Stored dataset items
□ □ □

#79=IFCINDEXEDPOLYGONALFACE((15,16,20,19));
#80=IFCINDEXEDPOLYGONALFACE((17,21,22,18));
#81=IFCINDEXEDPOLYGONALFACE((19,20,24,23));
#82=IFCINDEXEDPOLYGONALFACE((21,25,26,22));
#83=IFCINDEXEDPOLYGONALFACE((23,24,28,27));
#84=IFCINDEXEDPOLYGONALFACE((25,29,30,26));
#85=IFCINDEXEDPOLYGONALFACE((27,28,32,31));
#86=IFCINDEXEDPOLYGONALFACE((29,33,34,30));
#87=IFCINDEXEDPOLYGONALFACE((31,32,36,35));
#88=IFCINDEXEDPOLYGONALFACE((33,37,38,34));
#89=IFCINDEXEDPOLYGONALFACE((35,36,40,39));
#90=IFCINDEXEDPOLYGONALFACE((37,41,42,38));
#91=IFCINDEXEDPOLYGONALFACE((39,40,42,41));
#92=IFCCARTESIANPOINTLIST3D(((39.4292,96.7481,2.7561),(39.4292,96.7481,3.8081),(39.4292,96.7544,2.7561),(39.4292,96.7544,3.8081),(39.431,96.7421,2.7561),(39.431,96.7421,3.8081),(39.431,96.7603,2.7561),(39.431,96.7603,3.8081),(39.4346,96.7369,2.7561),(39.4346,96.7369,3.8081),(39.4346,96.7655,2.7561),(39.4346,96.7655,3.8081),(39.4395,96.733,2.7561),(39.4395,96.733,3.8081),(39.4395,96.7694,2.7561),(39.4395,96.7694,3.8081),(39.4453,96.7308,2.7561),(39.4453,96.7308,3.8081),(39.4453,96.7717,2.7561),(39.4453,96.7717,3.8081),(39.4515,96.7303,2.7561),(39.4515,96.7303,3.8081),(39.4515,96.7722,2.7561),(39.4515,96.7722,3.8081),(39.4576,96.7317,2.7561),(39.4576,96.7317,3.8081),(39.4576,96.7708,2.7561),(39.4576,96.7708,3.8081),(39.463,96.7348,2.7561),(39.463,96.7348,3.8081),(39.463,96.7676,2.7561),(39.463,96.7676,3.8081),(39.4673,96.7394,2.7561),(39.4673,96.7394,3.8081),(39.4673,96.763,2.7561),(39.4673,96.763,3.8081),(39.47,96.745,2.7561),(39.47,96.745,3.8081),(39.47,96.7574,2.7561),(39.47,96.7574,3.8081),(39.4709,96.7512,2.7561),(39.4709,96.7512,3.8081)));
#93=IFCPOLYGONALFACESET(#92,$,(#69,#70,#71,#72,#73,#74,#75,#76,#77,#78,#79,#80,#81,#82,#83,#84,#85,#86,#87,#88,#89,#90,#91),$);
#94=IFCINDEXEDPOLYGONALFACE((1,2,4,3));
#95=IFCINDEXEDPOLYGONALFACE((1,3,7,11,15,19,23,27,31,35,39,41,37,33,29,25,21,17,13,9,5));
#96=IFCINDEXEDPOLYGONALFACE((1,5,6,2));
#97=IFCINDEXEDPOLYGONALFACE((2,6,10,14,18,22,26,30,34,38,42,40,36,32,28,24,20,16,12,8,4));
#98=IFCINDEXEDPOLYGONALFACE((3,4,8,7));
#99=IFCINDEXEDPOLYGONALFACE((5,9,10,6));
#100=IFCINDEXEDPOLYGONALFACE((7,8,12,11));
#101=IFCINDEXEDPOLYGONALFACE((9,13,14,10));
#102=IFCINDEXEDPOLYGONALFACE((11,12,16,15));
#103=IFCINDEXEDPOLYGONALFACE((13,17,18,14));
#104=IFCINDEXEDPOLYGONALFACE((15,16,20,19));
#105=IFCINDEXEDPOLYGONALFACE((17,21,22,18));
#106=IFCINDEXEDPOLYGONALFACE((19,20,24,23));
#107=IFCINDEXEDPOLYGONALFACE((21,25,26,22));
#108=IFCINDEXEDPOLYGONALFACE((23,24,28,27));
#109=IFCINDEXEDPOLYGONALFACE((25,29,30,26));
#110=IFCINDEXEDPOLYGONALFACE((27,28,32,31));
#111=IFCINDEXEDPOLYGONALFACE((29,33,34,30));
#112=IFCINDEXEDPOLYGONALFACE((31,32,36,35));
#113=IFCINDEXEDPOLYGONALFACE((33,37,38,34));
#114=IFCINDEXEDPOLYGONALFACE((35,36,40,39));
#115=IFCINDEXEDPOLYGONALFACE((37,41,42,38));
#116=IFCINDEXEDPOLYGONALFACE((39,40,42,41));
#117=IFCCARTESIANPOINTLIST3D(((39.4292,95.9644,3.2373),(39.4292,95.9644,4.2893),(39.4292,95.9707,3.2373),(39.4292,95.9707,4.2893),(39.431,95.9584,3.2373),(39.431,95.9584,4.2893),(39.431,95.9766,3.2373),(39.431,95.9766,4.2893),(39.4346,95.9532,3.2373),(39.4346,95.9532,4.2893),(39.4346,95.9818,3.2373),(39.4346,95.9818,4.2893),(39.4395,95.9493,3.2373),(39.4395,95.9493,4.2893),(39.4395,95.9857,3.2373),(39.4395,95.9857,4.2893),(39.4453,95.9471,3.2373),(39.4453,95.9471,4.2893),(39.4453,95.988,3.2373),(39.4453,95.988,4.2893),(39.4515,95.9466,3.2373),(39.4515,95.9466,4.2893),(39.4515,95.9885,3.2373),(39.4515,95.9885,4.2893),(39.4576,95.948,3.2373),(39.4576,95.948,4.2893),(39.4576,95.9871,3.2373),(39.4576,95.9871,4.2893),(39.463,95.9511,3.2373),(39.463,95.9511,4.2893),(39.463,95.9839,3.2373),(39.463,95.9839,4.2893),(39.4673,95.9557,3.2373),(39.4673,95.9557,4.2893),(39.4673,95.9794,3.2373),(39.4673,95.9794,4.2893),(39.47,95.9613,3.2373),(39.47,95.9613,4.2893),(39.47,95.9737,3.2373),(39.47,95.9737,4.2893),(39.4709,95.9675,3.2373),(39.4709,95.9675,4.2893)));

□ □ □

- Required work
Nothing should appear in the answer except the lines above from the line with "#98=IFCINDEXEDPOLYGONALFACE((3,4,8,7));" through the line with "#104=IFCINDEXEDPOLYGONALFACE((15,16,20,19));", both included, written out exactly.

- Completed exercise
#98=IFCINDEXEDPOLYGONALFACE((3,4,8,7));
#99=IFCINDEXEDPOLYGONALFACE((5,9,10,6));
#100=IFCINDEXEDPOLYGONALFACE((7,8,12,11));
#101=IFCINDEXEDPOLYGONALFACE((9,13,14,10));
#102=IFCINDEXEDPOLYGONALFACE((11,12,16,15));
#103=IFCINDEXEDPOLYGONALFACE((13,17,18,14));
#104=IFCINDEXEDPOLYGONALFACE((15,16,20,19));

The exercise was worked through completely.